Give the data again exactly, stopping after the "#7=IFCUNITASSIGNMENT((#5,#6));" line.

### Saved entries:
Segment Open
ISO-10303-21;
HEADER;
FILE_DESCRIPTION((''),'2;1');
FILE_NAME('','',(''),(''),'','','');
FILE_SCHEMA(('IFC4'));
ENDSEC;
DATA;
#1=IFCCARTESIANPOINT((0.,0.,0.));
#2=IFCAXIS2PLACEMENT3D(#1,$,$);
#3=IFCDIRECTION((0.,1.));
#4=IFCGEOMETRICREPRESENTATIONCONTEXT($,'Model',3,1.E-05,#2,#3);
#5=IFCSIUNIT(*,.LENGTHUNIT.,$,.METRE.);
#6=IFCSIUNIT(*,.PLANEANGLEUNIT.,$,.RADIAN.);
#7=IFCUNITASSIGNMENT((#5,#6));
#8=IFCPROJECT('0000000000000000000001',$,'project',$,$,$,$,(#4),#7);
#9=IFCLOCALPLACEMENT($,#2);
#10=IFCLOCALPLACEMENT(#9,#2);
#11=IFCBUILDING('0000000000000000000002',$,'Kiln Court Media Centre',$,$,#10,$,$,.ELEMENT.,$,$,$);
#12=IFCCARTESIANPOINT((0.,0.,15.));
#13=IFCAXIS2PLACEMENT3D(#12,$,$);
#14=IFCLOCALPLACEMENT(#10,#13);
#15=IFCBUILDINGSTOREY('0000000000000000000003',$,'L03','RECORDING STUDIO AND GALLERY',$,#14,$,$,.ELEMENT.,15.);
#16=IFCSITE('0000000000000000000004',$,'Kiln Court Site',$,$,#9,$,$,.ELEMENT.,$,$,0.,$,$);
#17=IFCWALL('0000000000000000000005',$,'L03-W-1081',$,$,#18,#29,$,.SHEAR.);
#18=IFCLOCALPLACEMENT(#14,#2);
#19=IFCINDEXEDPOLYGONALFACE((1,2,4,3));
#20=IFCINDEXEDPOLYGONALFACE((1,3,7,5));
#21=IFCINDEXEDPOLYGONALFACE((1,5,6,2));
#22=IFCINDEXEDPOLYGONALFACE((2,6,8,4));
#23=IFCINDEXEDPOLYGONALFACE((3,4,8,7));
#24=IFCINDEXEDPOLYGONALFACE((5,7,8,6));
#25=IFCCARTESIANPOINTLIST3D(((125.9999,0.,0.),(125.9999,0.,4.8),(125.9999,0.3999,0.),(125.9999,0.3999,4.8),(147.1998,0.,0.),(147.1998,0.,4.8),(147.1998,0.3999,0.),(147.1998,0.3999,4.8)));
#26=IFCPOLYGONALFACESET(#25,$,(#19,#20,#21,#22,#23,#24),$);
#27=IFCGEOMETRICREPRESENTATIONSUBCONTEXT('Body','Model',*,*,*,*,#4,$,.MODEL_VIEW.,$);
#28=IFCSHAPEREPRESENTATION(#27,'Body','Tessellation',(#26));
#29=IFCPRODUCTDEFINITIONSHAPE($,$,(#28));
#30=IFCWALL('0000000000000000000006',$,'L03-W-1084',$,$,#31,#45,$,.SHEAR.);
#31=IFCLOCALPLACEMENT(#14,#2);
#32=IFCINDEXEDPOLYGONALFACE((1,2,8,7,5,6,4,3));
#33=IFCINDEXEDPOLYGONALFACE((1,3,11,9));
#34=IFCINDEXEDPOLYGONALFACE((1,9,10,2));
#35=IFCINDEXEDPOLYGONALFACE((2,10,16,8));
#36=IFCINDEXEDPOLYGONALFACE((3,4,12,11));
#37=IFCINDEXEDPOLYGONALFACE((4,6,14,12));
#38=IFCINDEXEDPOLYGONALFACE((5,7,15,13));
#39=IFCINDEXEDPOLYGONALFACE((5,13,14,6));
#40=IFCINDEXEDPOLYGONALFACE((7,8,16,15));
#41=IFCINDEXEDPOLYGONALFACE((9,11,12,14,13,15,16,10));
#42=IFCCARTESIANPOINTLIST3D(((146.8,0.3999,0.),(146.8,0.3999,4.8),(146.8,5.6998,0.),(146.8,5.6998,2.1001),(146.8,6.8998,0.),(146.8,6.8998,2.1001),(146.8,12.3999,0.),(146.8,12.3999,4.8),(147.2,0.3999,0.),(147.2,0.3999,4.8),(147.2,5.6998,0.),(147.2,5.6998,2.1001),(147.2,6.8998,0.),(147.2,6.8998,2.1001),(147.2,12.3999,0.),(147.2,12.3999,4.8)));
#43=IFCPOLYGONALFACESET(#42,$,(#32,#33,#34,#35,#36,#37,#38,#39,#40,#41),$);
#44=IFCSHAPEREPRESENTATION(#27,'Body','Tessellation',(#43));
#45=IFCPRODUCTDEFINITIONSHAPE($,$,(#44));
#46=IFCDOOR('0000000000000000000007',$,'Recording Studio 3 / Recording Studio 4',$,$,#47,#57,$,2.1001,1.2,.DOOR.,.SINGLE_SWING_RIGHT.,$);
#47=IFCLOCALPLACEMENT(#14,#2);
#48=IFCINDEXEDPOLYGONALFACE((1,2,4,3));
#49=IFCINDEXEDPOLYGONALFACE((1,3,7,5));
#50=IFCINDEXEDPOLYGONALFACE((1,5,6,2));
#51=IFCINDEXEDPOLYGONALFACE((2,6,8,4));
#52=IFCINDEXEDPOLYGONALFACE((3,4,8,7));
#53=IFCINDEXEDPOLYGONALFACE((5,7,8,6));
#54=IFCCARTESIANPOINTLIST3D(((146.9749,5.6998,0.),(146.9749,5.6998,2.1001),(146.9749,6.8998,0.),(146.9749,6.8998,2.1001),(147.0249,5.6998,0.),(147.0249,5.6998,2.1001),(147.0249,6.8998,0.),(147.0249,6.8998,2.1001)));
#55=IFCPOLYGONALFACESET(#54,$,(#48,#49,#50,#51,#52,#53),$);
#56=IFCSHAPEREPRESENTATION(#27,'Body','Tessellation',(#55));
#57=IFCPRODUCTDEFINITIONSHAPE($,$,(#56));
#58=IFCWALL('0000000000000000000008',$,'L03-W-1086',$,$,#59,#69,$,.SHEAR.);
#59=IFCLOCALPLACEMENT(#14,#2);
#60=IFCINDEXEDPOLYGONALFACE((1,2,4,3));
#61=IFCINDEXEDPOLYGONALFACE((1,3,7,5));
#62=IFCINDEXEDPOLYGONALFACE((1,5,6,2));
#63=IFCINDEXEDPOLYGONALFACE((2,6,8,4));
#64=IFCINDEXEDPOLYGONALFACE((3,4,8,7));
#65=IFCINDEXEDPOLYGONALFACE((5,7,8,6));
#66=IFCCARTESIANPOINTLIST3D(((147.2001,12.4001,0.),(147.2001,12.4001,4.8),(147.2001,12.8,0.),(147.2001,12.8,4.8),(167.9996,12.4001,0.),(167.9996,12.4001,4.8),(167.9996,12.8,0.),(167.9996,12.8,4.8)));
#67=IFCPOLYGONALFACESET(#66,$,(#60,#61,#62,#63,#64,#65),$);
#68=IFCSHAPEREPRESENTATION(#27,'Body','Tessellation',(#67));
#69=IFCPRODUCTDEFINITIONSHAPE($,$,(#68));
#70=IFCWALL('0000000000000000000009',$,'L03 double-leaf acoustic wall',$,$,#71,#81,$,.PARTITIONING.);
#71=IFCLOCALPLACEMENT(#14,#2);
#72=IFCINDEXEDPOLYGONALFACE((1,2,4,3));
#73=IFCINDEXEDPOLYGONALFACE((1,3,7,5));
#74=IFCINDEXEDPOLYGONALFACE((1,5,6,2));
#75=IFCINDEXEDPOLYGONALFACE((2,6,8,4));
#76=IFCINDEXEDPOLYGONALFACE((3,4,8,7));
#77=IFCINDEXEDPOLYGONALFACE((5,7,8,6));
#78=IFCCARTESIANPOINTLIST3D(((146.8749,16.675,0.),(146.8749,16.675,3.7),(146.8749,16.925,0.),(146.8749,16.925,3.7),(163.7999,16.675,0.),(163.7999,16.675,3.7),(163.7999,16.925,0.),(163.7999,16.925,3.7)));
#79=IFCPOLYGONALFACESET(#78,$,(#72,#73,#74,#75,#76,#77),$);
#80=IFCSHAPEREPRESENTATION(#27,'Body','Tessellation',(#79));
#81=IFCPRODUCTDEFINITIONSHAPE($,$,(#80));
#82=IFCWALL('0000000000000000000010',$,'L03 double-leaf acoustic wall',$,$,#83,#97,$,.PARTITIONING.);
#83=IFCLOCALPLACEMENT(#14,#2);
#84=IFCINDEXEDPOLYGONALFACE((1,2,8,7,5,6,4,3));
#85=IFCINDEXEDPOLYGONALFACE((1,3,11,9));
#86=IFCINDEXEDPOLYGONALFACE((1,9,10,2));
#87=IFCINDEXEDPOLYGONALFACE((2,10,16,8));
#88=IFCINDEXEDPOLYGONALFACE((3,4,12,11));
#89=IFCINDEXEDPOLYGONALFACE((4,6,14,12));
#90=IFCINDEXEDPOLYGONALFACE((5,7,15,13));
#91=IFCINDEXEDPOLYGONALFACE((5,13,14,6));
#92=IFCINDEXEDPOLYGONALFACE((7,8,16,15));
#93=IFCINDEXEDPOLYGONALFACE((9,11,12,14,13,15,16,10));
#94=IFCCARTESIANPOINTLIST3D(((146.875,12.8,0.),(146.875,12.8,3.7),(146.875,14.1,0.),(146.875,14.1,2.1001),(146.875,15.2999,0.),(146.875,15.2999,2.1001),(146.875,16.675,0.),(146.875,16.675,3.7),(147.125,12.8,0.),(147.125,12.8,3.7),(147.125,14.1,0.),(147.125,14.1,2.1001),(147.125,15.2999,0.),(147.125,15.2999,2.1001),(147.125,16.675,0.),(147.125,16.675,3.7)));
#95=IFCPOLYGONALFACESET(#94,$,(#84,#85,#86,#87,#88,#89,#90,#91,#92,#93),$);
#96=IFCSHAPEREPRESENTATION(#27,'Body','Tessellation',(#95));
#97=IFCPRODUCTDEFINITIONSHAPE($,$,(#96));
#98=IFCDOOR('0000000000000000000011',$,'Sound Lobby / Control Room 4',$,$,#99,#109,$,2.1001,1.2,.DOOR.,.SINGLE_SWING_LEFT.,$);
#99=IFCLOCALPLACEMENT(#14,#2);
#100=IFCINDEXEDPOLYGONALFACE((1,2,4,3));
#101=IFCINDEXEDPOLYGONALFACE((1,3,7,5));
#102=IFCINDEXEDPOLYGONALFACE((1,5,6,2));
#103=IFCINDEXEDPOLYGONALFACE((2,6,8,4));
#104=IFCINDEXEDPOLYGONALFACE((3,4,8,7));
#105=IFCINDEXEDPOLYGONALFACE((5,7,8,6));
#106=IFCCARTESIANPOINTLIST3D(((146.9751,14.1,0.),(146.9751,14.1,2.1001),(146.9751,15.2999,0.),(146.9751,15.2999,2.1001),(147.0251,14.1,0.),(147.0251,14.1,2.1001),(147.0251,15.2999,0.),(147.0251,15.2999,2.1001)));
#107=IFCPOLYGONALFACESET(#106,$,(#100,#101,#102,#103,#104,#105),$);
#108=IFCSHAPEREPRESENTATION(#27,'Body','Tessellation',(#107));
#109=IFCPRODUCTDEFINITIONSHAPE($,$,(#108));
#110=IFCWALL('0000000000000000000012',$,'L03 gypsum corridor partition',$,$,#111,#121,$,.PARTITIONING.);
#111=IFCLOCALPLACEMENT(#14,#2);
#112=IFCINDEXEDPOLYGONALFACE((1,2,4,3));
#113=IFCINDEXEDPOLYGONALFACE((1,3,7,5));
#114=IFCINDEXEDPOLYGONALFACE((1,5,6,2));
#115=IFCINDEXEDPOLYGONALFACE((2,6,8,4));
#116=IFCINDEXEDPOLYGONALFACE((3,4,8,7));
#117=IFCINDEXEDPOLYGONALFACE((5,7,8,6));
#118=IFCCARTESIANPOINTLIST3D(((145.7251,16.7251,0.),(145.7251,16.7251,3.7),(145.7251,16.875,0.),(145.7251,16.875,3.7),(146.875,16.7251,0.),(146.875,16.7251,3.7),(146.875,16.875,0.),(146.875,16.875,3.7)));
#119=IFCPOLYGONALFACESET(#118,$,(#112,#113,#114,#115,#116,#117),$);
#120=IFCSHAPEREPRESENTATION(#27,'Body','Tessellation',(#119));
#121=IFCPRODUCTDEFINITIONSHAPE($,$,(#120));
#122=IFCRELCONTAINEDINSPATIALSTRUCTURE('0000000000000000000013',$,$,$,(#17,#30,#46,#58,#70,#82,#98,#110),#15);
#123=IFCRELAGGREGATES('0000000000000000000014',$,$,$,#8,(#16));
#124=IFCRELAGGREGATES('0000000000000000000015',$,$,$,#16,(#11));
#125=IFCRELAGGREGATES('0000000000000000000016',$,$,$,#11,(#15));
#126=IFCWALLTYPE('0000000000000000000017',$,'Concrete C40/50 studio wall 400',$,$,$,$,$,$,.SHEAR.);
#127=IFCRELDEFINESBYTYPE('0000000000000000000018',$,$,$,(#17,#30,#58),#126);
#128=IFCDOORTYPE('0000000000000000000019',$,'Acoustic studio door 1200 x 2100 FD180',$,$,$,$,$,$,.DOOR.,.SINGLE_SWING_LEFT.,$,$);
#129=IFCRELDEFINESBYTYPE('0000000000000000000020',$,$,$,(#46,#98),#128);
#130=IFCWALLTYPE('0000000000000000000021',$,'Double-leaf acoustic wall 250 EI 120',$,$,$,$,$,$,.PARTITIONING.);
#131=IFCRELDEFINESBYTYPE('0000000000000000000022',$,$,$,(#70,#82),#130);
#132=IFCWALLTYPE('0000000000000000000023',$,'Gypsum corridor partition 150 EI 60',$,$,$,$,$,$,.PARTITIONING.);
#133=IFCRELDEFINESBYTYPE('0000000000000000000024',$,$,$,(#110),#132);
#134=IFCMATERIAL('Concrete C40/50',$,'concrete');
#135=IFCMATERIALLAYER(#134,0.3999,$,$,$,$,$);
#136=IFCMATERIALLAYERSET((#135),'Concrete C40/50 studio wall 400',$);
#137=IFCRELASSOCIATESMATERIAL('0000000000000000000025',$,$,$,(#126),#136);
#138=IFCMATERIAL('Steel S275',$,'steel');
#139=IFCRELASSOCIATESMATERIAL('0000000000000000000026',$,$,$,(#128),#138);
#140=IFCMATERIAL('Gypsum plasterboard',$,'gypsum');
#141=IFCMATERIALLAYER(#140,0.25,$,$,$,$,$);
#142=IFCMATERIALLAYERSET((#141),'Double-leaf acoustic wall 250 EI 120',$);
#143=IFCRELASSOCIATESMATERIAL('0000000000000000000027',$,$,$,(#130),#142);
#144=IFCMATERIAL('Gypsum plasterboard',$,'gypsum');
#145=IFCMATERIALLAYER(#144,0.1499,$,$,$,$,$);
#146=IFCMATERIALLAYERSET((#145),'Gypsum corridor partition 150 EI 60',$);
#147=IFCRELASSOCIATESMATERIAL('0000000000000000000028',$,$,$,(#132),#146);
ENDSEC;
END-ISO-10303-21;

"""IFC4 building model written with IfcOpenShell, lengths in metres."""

from ifc_helpers import new_model, si_unit, direction, frame, frame_2d, origin, place, context, subcontext, project, spatial, rectangle, extrude, material, layer, layer_set, type_object, element, fill, save


model = new_model("IFC4")

# Units and contexts
model_context = context("Model", 3, precision=1e-05, world=origin(), true_north=direction((0.0, 1.0)))
body_context = subcontext(model_context, "Body", "Model", "MODEL_VIEW")
ifc_project = project(units=[si_unit("LENGTHUNIT", "METRE"), si_unit("PLANEANGLEUNIT", "RADIAN")], contexts=[model_context])

# Site, building, storey
site_placement = place(None, origin())
site = spatial("IfcSite", under=ifc_project, at=site_placement, Name="Kiln Court Site", CompositionType="ELEMENT", RefElevation=0.0)
building_placement = place(site_placement, origin())
building = spatial("IfcBuilding", under=site, at=building_placement, Name="Kiln Court Media Centre", CompositionType="ELEMENT")
storey_placement = place(building_placement, frame((0.0, 0.0, 15.0)))
storey = spatial("IfcBuildingStorey", under=building, at=storey_placement, Name="L03", Description="RECORDING STUDIO AND GALLERY", CompositionType="ELEMENT", Elevation=15.0)

# Wall
ifc_material_1 = material(Name="Concrete C40/50", Category="concrete")
ifc_layer_1 = layer(ifc_material_1, 0.3999)
ifc_layer_set_1 = layer_set([ifc_layer_1], Name="Concrete C40/50 studio wall 400")
wall_type_1 = type_object("IfcWallType", Name="Concrete C40/50 studio wall 400", PredefinedType="SHEAR", material=ifc_layer_set_1)
wall_1_placement = place(storey_placement, frame((147.2, 0.2, 0.0), z_axis=(0.0, 0.0, 1.0), x_axis=(-1.0, 0.0, 0.0)))
element("IfcWall", 1, at=wall_1_placement, inside=storey, type_object=wall_type_1, Name="L03-W-1081", PredefinedType="SHEAR", context=body_context, shape_type="SweptSolid", body=[
    extrude(rectangle(XDim=21.2, YDim=0.3999, at=frame_2d((10.6001, 0.0))), origin(), (0.0, 0.0, 1.0), 4.8),
])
Segment Closed
### Result below:
ISO-10303-21;
HEADER;
FILE_DESCRIPTION((''),'2;1');
FILE_NAME('','',(''),(''),'','','');
FILE_SCHEMA(('IFC4'));
ENDSEC;
DATA;
#1=IFCCARTESIANPOINT((0.,0.,0.));
#2=IFCAXIS2PLACEMENT3D(#1,$,$);
#3=IFCDIRECTION((0.,1.));
#4=IFCGEOMETRICREPRESENTATIONCONTEXT($,'Model',3,1.E-05,#2,#3);
#5=IFCSIUNIT(*,.LENGTHUNIT.,$,.METRE.);
#6=IFCSIUNIT(*,.PLANEANGLEUNIT.,$,.RADIAN.);
#7=IFCUNITASSIGNMENT((#5,#6));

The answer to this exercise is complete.